» TASK DIRECTIONS
Once the line containing "#135=IFCPRODUCTDEFINITIONSHAPE($,$,(#134));" is found in the entries below, reproduce it and every line after it, stopping at and including the line containing "#149=IFCLOCALPLACEMENT(#14,#2);"; reproduce nothing else, and keep each line exact.

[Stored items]

□ □ □ □ □

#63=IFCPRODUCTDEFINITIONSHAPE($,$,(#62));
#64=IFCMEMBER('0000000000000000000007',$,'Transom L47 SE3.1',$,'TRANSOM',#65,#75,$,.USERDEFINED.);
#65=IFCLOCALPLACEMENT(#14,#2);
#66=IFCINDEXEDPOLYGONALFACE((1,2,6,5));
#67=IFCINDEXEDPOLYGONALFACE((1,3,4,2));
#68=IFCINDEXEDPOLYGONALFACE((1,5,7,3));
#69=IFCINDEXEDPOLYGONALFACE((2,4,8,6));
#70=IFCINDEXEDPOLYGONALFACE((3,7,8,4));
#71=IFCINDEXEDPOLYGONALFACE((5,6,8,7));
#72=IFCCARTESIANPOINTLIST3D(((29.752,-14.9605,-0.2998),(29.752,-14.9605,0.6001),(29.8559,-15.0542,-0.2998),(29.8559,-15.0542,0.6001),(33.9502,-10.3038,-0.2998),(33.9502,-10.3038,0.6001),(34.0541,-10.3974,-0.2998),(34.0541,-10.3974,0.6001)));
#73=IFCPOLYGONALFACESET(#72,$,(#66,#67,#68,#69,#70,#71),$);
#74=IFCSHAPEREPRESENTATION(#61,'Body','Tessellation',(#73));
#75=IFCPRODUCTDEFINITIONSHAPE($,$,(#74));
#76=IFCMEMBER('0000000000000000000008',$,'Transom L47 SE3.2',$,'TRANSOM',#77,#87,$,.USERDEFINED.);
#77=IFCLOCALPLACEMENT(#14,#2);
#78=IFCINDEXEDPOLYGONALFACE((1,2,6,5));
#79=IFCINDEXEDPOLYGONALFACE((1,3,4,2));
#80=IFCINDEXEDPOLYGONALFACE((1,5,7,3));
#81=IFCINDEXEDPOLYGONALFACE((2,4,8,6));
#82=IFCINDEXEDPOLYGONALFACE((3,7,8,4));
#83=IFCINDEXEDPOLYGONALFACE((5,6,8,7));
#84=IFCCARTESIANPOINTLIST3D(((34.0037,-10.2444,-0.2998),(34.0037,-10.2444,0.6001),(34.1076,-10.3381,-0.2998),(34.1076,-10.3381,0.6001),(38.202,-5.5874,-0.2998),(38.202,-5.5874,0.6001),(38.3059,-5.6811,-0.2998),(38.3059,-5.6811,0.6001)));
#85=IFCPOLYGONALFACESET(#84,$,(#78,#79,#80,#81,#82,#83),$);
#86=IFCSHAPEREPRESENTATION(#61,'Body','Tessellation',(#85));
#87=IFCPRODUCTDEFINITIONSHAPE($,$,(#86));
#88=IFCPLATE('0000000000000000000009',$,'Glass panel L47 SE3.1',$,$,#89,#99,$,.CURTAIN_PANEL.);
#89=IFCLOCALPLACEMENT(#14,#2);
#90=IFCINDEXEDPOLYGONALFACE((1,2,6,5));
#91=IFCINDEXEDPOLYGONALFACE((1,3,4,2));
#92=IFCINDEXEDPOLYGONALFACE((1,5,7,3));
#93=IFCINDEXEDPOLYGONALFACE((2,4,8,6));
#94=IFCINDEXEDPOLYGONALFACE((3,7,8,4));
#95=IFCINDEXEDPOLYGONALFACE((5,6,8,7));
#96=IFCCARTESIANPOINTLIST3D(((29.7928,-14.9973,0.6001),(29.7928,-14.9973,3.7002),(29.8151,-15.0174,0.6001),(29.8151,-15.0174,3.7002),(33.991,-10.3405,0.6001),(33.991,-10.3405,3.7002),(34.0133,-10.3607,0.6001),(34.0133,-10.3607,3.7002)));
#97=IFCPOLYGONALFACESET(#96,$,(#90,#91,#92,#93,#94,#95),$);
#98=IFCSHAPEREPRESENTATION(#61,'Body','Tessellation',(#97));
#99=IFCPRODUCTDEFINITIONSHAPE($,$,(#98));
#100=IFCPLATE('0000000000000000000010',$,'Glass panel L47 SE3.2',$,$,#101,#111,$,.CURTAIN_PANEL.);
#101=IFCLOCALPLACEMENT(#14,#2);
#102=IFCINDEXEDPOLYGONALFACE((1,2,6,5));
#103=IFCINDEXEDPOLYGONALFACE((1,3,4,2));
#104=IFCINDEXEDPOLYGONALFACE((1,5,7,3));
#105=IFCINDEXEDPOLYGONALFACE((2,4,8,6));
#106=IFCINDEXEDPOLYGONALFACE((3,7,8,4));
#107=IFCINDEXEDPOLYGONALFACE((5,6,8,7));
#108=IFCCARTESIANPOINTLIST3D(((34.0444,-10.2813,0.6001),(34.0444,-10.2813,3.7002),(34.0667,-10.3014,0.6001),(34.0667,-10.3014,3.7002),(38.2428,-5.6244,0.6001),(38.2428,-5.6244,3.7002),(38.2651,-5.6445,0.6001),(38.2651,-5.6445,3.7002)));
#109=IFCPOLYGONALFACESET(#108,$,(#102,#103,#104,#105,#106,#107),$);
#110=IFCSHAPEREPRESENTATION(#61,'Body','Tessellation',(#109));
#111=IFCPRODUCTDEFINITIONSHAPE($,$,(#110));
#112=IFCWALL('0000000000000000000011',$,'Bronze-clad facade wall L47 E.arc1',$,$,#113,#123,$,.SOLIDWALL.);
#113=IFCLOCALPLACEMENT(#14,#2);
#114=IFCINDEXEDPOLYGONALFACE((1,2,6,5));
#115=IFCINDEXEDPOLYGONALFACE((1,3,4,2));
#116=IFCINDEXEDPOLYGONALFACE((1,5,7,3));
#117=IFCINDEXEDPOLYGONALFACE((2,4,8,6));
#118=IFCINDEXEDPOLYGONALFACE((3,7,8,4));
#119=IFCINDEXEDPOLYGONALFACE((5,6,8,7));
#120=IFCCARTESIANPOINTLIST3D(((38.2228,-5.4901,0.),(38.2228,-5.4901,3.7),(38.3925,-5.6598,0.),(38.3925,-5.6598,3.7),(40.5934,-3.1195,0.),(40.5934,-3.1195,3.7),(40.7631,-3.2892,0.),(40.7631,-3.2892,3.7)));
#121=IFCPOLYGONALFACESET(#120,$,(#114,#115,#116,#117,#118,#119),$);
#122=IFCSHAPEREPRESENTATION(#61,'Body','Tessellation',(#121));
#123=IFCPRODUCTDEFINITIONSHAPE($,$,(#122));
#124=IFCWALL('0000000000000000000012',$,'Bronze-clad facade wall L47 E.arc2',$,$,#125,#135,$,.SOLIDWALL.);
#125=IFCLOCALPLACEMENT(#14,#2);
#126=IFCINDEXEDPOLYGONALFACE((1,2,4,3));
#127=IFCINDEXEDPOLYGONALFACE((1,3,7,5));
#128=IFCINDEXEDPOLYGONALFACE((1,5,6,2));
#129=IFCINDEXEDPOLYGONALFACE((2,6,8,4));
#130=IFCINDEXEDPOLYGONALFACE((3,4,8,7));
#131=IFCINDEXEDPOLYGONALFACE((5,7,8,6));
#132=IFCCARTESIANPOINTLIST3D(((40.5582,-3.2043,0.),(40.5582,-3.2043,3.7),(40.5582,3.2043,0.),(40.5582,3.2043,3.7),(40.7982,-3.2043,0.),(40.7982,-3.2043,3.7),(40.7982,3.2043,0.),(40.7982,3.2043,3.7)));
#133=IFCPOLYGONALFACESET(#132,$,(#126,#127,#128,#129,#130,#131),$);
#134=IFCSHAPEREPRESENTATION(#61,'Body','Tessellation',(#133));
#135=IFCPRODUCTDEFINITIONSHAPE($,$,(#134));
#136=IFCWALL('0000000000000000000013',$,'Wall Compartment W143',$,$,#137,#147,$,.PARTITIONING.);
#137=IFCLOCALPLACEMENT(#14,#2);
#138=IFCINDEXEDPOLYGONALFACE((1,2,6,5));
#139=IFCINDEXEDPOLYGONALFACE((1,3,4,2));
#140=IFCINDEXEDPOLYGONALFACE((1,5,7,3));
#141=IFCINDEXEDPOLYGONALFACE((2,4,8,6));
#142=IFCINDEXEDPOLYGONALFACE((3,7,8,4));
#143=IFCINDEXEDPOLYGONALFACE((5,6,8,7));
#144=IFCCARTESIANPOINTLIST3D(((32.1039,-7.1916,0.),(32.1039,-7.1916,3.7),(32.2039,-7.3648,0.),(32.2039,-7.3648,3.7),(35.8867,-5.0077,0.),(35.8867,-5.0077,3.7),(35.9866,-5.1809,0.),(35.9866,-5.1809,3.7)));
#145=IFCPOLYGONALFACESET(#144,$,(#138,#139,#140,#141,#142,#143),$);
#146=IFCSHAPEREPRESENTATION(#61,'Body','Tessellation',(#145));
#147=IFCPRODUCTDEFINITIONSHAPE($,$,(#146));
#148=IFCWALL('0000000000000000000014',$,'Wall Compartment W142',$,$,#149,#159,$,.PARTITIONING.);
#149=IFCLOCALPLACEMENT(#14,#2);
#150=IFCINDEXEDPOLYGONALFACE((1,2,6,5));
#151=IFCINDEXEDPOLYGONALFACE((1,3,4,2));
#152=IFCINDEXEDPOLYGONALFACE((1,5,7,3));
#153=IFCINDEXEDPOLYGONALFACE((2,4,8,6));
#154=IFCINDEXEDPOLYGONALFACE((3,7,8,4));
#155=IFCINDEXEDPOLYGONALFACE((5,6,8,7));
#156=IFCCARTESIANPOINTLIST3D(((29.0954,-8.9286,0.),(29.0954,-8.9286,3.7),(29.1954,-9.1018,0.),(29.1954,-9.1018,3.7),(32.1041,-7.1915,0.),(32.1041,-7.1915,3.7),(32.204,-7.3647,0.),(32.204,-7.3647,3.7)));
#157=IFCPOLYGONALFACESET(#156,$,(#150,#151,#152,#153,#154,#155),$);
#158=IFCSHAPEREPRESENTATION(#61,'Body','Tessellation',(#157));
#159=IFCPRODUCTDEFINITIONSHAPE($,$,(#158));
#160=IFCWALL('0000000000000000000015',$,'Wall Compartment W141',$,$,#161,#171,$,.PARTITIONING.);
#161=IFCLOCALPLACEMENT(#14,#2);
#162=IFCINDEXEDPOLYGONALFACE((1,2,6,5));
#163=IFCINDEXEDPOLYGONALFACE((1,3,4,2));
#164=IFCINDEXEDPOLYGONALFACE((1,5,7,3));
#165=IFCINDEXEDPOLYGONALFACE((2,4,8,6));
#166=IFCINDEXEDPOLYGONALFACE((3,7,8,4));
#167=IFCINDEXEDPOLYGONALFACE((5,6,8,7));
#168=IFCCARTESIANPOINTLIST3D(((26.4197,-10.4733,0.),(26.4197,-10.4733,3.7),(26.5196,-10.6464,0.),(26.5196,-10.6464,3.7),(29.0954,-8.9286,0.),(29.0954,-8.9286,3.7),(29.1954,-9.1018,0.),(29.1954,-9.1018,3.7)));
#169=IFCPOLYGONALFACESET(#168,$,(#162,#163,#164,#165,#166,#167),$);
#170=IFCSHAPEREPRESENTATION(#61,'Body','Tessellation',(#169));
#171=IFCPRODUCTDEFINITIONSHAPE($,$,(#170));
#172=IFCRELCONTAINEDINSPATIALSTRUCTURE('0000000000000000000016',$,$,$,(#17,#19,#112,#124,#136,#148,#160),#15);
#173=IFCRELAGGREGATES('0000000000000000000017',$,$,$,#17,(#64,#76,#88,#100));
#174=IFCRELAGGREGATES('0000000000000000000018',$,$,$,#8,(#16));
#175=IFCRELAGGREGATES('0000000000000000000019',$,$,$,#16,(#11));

□ □ □ □ □

» OUTPUT
#135=IFCPRODUCTDEFINITIONSHAPE($,$,(#134));
#136=IFCWALL('0000000000000000000013',$,'Wall Compartment W143',$,$,#137,#147,$,.PARTITIONING.);
#137=IFCLOCALPLACEMENT(#14,#2);
#138=IFCINDEXEDPOLYGONALFACE((1,2,6,5));
#139=IFCINDEXEDPOLYGONALFACE((1,3,4,2));
#140=IFCINDEXEDPOLYGONALFACE((1,5,7,3));
#141=IFCINDEXEDPOLYGONALFACE((2,4,8,6));
#142=IFCINDEXEDPOLYGONALFACE((3,7,8,4));
#143=IFCINDEXEDPOLYGONALFACE((5,6,8,7));
#144=IFCCARTESIANPOINTLIST3D(((32.1039,-7.1916,0.),(32.1039,-7.1916,3.7),(32.2039,-7.3648,0.),(32.2039,-7.3648,3.7),(35.8867,-5.0077,0.),(35.8867,-5.0077,3.7),(35.9866,-5.1809,0.),(35.9866,-5.1809,3.7)));
#145=IFCPOLYGONALFACESET(#144,$,(#138,#139,#140,#141,#142,#143),$);
#146=IFCSHAPEREPRESENTATION(#61,'Body','Tessellation',(#145));
#147=IFCPRODUCTDEFINITIONSHAPE($,$,(#146));
#148=IFCWALL('0000000000000000000014',$,'Wall Compartment W142',$,$,#149,#159,$,.PARTITIONING.);
#149=IFCLOCALPLACEMENT(#14,#2);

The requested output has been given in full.